• _What you have to do_:
For the material that follows, return exactly the lines from the one with "#34=IFCINDEXEDPOLYGONALFACE((45,83,91,92,84,46));" through the one with "#54=IFCINDEXEDPOLYGONALFACE((101,102,120,119));", both ends included.

• _Input material_:

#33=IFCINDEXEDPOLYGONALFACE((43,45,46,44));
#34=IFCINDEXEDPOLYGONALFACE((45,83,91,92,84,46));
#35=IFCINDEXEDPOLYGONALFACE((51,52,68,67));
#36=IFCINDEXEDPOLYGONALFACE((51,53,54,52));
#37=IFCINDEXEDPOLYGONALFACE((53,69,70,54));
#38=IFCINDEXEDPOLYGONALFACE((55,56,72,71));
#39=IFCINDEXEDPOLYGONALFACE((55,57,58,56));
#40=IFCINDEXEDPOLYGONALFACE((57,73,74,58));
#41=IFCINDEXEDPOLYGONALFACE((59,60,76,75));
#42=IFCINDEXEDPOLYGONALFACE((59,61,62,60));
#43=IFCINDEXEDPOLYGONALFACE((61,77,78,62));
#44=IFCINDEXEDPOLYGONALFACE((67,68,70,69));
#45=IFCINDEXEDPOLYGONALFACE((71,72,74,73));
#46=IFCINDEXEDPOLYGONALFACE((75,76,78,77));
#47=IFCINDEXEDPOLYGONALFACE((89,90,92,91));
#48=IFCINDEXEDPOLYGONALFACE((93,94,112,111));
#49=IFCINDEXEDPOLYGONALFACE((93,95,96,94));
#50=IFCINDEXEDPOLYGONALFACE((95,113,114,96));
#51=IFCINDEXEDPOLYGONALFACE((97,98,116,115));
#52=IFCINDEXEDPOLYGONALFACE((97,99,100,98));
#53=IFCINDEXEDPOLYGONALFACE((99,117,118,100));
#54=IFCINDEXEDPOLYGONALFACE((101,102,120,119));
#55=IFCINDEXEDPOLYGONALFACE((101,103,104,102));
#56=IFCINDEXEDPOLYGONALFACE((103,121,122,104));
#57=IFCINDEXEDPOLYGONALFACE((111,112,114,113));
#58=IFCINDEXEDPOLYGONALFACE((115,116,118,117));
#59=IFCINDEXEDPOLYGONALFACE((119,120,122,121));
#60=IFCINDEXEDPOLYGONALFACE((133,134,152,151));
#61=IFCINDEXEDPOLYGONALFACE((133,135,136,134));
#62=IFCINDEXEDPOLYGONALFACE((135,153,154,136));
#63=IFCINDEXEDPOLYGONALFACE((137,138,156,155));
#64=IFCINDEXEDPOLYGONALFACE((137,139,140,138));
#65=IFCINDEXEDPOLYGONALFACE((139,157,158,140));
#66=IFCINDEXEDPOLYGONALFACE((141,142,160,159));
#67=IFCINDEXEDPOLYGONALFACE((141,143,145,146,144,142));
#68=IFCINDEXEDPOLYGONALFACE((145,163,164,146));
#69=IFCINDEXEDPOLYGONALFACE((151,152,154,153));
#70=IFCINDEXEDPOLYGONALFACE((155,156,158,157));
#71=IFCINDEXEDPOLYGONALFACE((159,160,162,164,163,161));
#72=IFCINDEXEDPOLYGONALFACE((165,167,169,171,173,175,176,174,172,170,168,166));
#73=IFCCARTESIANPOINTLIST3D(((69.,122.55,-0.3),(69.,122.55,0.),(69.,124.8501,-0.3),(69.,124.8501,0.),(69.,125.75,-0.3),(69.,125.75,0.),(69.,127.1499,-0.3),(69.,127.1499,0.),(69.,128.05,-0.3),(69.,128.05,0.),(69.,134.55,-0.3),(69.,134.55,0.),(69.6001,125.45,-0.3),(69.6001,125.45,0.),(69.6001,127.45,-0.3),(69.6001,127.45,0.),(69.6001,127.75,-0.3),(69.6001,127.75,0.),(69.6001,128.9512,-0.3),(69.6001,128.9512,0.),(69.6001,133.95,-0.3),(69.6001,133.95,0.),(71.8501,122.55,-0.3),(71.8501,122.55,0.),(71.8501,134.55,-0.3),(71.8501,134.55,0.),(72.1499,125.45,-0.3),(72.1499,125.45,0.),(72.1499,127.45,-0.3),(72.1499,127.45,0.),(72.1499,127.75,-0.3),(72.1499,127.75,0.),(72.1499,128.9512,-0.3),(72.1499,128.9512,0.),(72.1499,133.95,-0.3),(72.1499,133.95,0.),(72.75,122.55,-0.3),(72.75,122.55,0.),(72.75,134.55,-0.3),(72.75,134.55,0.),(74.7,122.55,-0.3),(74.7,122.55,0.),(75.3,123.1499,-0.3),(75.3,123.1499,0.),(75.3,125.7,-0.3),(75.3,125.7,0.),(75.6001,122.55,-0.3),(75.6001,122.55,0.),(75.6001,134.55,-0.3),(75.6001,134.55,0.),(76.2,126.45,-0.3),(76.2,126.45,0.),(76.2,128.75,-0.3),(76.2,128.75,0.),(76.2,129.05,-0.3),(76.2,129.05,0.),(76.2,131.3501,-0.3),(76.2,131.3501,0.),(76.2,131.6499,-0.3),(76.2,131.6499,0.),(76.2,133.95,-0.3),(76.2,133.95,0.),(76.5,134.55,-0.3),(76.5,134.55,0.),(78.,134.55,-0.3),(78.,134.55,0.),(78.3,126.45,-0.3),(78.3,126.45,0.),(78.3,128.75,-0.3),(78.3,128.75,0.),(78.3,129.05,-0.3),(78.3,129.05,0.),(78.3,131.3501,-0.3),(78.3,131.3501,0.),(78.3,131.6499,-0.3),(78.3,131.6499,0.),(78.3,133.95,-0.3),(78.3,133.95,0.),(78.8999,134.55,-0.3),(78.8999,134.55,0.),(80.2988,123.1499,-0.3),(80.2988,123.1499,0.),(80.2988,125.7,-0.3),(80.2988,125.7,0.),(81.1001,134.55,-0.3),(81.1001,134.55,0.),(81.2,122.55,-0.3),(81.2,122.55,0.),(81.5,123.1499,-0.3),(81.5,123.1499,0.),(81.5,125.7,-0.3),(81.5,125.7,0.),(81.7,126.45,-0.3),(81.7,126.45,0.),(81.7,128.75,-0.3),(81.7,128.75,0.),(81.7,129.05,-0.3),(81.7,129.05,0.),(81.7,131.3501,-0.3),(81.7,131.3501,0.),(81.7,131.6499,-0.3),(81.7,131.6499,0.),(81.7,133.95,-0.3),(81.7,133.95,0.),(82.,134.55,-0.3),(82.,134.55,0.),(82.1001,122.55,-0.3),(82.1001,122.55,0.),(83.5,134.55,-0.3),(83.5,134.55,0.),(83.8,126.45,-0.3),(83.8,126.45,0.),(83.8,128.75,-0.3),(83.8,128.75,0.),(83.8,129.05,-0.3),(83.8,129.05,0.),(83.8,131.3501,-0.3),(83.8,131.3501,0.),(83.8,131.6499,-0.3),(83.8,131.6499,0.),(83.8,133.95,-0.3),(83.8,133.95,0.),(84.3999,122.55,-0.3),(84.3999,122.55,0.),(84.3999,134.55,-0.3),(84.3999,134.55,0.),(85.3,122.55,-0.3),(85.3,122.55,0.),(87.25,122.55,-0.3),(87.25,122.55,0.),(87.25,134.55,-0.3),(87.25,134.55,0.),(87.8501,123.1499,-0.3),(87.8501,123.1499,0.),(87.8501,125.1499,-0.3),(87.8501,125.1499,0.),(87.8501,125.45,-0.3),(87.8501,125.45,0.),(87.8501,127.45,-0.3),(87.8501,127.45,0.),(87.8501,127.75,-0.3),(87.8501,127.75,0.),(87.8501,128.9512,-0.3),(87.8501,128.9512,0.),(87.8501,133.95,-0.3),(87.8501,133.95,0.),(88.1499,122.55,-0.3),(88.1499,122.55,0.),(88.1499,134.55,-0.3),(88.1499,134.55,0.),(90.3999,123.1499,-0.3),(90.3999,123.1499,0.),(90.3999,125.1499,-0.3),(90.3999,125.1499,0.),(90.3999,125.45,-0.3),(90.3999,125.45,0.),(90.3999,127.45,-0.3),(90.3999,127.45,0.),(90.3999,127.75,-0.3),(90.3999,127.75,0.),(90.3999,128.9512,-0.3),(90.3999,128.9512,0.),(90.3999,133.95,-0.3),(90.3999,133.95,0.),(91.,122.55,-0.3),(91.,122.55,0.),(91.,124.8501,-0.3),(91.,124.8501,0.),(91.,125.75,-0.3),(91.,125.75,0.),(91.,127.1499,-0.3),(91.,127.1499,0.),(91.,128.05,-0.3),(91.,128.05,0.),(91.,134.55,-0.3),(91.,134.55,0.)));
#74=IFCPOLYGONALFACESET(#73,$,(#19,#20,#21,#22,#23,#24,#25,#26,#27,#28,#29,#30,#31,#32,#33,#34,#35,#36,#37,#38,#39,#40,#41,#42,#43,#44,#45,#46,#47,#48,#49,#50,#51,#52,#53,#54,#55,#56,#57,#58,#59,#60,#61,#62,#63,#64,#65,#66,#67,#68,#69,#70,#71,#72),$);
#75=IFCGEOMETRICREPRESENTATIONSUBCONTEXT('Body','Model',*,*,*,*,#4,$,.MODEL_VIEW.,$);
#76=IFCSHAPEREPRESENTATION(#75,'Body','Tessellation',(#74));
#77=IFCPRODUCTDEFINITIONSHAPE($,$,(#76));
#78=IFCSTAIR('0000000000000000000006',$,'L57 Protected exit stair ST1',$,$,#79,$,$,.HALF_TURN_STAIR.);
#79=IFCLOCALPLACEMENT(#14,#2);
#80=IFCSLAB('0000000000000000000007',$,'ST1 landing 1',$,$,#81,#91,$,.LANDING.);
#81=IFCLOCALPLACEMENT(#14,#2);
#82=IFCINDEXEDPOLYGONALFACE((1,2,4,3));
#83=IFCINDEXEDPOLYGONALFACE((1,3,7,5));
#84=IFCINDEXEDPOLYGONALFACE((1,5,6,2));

• _Solution_:
#34=IFCINDEXEDPOLYGONALFACE((45,83,91,92,84,46));
#35=IFCINDEXEDPOLYGONALFACE((51,52,68,67));
#36=IFCINDEXEDPOLYGONALFACE((51,53,54,52));
#37=IFCINDEXEDPOLYGONALFACE((53,69,70,54));
#38=IFCINDEXEDPOLYGONALFACE((55,56,72,71));
#39=IFCINDEXEDPOLYGONALFACE((55,57,58,56));
#40=IFCINDEXEDPOLYGONALFACE((57,73,74,58));
#41=IFCINDEXEDPOLYGONALFACE((59,60,76,75));
#42=IFCINDEXEDPOLYGONALFACE((59,61,62,60));
#43=IFCINDEXEDPOLYGONALFACE((61,77,78,62));
#44=IFCINDEXEDPOLYGONALFACE((67,68,70,69));
#45=IFCINDEXEDPOLYGONALFACE((71,72,74,73));
#46=IFCINDEXEDPOLYGONALFACE((75,76,78,77));
#47=IFCINDEXEDPOLYGONALFACE((89,90,92,91));
#48=IFCINDEXEDPOLYGONALFACE((93,94,112,111));
#49=IFCINDEXEDPOLYGONALFACE((93,95,96,94));
#50=IFCINDEXEDPOLYGONALFACE((95,113,114,96));
#51=IFCINDEXEDPOLYGONALFACE((97,98,116,115));
#52=IFCINDEXEDPOLYGONALFACE((97,99,100,98));
#53=IFCINDEXEDPOLYGONALFACE((99,117,118,100));
#54=IFCINDEXEDPOLYGONALFACE((101,102,120,119));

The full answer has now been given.